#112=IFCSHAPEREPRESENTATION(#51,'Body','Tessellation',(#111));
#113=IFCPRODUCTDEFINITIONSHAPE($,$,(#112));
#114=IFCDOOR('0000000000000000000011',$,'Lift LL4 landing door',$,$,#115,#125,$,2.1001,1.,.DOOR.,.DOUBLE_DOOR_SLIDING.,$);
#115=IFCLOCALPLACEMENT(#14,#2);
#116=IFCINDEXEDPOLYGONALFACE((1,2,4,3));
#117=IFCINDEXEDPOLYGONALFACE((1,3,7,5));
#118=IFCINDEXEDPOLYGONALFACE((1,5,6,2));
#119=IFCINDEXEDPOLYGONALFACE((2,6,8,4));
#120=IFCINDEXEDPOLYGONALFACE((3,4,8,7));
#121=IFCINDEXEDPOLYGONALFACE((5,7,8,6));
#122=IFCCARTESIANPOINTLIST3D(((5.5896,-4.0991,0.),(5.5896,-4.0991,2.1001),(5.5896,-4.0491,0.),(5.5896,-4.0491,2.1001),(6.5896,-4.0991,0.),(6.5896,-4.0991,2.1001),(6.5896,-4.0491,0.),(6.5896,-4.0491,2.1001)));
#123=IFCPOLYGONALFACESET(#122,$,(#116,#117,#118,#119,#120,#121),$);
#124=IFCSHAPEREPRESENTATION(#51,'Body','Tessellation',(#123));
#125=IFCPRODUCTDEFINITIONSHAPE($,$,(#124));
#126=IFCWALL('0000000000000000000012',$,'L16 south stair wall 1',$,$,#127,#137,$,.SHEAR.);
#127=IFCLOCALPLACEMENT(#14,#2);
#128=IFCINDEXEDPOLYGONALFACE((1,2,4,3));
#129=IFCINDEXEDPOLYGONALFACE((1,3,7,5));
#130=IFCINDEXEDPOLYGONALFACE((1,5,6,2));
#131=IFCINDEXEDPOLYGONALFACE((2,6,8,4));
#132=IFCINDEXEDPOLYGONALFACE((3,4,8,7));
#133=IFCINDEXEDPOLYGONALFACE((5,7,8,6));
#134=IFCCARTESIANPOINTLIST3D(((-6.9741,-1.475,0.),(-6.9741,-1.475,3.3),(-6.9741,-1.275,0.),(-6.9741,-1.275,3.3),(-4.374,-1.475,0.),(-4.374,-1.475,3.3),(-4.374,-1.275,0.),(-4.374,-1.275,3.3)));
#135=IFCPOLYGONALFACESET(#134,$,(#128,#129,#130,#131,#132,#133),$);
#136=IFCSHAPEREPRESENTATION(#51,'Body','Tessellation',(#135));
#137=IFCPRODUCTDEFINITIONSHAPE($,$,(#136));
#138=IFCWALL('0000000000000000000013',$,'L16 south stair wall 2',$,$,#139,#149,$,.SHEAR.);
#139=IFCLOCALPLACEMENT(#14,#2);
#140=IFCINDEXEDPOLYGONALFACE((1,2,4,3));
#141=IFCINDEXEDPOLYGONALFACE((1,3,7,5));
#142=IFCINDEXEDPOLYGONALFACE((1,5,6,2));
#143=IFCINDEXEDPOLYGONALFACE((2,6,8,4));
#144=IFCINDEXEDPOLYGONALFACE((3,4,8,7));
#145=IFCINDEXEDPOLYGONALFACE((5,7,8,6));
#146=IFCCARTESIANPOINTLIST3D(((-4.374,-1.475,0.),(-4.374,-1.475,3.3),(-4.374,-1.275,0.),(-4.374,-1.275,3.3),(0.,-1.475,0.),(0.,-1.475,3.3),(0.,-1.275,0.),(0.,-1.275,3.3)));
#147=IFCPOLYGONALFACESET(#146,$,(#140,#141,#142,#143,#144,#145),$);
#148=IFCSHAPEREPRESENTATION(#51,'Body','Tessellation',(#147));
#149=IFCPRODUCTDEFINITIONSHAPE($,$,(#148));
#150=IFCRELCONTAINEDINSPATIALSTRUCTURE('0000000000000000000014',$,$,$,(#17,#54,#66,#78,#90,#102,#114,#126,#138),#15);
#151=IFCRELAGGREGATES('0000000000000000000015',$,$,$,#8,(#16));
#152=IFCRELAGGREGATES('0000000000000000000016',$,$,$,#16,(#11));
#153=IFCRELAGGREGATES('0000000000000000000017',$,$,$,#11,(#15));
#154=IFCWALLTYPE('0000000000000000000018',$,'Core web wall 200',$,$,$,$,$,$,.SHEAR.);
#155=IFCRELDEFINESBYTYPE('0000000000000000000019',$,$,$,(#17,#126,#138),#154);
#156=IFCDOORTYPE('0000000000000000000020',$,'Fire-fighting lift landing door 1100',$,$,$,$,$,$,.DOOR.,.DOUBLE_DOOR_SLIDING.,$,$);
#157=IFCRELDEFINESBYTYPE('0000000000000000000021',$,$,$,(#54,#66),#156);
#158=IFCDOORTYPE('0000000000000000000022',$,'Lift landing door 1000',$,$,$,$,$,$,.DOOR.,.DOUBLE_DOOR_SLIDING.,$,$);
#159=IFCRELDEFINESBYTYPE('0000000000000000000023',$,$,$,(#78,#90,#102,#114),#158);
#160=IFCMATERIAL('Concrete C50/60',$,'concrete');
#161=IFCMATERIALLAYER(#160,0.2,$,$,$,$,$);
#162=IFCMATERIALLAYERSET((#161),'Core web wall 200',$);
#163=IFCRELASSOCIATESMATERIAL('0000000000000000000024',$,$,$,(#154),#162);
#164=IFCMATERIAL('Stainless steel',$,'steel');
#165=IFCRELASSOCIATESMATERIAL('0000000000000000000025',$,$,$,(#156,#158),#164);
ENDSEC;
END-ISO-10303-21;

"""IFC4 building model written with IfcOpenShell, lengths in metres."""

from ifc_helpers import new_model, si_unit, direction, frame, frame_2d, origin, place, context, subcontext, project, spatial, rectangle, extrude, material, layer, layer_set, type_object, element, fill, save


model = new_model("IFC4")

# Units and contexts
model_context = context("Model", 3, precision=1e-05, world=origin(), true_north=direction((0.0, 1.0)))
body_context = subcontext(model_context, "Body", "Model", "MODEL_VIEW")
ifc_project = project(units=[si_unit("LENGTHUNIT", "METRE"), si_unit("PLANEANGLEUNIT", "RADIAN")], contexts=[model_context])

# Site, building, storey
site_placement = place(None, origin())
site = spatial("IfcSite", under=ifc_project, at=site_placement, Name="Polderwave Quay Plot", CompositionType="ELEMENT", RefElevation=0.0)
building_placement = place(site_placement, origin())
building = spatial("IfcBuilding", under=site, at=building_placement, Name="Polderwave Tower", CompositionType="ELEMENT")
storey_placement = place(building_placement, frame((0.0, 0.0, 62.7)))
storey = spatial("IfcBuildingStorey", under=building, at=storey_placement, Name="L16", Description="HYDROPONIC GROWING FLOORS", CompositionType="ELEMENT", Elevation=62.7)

(Task instructions): Retype the lines beginning at the one containing "site_placement = place(None, origin())" and ending at the final line of the material, both included.

(Solution to this task):
site_placement = place(None, origin())
site = spatial("IfcSite", under=ifc_project, at=site_placement, Name="Polderwave Quay Plot", CompositionType="ELEMENT", RefElevation=0.0)
building_placement = place(site_placement, origin())
building = spatial("IfcBuilding", under=site, at=building_placement, Name="Polderwave Tower", CompositionType="ELEMENT")
storey_placement = place(building_placement, frame((0.0, 0.0, 62.7)))
storey = spatial("IfcBuildingStorey", under=building, at=storey_placement, Name="L16", Description="HYDROPONIC GROWING FLOORS", CompositionType="ELEMENT", Elevation=62.7)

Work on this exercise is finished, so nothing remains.